_Exercise directions_
Report each line of the entries below that includes "VISION".

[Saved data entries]
= Beginning of Section =

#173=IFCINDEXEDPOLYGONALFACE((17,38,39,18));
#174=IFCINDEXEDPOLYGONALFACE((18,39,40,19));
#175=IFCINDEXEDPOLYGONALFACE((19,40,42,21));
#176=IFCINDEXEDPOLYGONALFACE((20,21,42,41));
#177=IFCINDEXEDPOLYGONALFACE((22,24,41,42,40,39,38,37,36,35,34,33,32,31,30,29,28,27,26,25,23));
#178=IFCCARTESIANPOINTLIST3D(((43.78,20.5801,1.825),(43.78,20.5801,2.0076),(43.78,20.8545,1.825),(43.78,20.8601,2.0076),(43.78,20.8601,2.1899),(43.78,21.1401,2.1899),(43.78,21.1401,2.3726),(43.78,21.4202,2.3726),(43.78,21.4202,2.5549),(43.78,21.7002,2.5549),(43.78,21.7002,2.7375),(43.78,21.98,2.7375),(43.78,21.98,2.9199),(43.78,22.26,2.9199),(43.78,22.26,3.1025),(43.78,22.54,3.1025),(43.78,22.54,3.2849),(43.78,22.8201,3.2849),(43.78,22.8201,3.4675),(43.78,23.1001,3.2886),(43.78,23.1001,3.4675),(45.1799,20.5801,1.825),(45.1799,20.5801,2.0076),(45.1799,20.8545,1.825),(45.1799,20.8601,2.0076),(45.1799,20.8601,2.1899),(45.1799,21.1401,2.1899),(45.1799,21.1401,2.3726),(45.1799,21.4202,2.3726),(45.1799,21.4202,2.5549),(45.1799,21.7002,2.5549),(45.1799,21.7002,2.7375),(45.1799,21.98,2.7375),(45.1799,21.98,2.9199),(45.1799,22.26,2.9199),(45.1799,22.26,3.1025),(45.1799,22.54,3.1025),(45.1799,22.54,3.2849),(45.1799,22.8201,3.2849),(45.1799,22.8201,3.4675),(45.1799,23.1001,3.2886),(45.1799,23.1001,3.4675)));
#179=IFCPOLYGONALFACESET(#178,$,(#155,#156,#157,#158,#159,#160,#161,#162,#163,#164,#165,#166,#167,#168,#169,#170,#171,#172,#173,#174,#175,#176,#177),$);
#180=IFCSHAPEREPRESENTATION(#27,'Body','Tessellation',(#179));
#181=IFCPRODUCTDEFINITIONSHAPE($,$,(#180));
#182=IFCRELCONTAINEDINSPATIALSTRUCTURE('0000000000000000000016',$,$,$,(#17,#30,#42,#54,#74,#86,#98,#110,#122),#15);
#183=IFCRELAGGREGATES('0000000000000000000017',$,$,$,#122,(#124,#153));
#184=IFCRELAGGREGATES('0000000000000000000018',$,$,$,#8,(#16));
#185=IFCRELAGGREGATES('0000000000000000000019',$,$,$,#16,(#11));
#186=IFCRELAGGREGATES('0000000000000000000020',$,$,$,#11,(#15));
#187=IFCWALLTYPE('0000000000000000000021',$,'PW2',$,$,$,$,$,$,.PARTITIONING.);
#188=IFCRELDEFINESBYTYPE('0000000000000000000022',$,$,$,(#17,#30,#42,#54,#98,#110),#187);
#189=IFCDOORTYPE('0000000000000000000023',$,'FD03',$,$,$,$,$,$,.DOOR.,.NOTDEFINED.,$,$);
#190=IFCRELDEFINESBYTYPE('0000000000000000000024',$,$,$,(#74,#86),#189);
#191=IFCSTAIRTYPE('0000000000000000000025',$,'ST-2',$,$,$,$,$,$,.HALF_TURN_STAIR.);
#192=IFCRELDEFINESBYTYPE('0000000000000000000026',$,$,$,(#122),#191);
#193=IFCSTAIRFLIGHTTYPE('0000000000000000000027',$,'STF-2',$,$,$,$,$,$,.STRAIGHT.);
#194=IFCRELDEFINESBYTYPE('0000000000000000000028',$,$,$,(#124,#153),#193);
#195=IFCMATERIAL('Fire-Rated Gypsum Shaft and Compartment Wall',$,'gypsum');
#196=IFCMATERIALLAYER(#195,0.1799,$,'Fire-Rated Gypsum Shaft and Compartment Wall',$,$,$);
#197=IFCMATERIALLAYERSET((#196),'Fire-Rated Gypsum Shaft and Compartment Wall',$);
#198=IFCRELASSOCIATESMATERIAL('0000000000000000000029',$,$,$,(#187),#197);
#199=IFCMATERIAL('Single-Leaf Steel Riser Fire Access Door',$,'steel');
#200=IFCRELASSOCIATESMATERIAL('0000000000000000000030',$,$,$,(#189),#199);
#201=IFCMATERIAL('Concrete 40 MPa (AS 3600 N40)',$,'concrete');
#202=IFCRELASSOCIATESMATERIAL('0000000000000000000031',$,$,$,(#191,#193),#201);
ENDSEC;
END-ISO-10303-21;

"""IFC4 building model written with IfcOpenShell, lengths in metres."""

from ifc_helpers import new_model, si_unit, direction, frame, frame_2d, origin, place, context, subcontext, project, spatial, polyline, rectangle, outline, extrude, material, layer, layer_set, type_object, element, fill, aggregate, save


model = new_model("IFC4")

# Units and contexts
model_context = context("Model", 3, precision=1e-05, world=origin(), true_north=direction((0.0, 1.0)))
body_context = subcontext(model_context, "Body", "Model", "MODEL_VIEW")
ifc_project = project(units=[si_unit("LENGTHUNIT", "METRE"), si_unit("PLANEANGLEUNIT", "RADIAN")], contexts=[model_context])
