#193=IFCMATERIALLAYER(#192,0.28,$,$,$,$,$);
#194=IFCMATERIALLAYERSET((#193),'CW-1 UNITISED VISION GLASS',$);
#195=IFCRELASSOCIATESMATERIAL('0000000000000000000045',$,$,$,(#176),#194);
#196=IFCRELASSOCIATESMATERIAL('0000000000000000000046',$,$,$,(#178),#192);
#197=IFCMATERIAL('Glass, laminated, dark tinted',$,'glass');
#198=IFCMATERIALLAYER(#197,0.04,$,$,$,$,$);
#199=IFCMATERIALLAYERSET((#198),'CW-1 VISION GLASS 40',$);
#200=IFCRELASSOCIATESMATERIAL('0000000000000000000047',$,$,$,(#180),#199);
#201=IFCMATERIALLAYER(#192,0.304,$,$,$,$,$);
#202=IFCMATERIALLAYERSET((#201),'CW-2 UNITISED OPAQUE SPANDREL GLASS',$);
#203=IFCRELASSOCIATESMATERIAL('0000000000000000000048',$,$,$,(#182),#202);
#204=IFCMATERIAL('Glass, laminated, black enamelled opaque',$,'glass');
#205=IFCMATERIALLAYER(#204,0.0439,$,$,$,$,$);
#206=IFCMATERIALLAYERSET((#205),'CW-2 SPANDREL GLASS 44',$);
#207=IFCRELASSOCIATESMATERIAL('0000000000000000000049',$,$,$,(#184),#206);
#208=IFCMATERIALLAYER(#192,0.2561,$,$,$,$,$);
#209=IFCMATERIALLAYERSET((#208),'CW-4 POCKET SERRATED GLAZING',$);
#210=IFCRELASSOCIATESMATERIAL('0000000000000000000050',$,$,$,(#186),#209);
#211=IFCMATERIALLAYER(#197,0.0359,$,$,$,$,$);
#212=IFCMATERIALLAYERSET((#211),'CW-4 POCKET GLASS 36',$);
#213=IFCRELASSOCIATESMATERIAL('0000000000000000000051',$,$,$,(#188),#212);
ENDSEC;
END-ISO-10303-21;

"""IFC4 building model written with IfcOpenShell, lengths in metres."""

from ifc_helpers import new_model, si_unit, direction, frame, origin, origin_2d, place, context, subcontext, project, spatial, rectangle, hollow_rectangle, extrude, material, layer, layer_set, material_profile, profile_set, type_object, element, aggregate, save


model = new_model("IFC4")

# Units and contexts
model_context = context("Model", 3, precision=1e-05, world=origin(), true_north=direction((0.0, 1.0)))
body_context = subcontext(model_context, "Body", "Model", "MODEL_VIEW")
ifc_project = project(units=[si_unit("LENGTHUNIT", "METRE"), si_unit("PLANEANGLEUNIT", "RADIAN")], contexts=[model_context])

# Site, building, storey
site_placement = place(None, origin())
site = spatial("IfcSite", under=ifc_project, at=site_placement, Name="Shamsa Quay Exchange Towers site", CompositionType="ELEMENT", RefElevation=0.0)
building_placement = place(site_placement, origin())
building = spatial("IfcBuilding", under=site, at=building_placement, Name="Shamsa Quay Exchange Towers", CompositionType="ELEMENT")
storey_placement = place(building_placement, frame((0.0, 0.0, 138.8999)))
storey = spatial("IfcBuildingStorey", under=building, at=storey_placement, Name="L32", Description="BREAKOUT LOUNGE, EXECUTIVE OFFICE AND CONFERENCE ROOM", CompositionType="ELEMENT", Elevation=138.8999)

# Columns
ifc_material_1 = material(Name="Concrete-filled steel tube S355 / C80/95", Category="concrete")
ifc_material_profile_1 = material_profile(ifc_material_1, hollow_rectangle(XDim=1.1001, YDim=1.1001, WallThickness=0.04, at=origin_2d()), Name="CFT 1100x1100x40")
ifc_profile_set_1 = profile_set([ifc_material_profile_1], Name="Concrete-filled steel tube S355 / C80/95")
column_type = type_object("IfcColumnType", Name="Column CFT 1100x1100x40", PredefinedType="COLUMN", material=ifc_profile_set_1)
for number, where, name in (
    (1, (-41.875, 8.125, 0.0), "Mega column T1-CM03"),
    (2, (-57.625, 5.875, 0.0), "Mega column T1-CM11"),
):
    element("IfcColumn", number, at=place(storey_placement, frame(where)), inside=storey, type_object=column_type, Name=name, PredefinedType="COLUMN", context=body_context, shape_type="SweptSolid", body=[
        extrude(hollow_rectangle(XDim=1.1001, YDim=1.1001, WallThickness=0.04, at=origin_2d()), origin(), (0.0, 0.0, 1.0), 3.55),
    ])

= End of Section =

_Your response_
#194=IFCMATERIALLAYERSET((#193),'CW-1 UNITISED VISION GLASS',$);
#199=IFCMATERIALLAYERSET((#198),'CW-1 VISION GLASS 40',$);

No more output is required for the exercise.